#### SUPPLIED DATA

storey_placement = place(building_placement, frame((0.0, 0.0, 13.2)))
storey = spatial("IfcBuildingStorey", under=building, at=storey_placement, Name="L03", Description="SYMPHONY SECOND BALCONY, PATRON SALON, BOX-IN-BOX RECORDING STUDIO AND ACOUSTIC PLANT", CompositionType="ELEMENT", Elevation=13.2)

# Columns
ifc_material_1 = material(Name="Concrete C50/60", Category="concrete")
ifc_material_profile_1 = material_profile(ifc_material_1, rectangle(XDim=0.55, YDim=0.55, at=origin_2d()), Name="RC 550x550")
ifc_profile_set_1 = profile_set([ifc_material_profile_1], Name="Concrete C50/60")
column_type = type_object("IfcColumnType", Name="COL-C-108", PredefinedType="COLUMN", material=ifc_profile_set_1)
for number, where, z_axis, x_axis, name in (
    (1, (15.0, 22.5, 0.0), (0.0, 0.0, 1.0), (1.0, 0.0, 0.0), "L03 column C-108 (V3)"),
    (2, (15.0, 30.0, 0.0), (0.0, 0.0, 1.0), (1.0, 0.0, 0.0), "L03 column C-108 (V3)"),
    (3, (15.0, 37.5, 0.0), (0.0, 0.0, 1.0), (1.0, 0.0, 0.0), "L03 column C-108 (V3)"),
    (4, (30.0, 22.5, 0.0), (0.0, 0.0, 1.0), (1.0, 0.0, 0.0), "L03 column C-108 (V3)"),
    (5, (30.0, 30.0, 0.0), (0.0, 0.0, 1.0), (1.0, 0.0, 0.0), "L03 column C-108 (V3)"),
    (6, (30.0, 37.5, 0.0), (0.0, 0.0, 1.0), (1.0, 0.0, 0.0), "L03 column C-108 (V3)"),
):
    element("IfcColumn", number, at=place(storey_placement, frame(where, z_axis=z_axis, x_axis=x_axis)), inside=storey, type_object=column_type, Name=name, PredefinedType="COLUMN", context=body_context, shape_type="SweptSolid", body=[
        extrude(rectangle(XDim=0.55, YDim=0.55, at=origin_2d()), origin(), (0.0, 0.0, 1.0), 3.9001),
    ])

########

WHAT YOU SHOULD DO - The answer should consist only of the lines from the one containing "for number, where, z_axis, x_axis, name" through the last line of the data, given again exactly.

SOLUTION TO THIS TASK -
for number, where, z_axis, x_axis, name in (
    (1, (15.0, 22.5, 0.0), (0.0, 0.0, 1.0), (1.0, 0.0, 0.0), "L03 column C-108 (V3)"),
    (2, (15.0, 30.0, 0.0), (0.0, 0.0, 1.0), (1.0, 0.0, 0.0), "L03 column C-108 (V3)"),
    (3, (15.0, 37.5, 0.0), (0.0, 0.0, 1.0), (1.0, 0.0, 0.0), "L03 column C-108 (V3)"),
    (4, (30.0, 22.5, 0.0), (0.0, 0.0, 1.0), (1.0, 0.0, 0.0), "L03 column C-108 (V3)"),
    (5, (30.0, 30.0, 0.0), (0.0, 0.0, 1.0), (1.0, 0.0, 0.0), "L03 column C-108 (V3)"),
    (6, (30.0, 37.5, 0.0), (0.0, 0.0, 1.0), (1.0, 0.0, 0.0), "L03 column C-108 (V3)"),
):
    element("IfcColumn", number, at=place(storey_placement, frame(where, z_axis=z_axis, x_axis=x_axis)), inside=storey, type_object=column_type, Name=name, PredefinedType="COLUMN", context=body_context, shape_type="SweptSolid", body=[
        extrude(rectangle(XDim=0.55, YDim=0.55, at=origin_2d()), origin(), (0.0, 0.0, 1.0), 3.9001),
    ])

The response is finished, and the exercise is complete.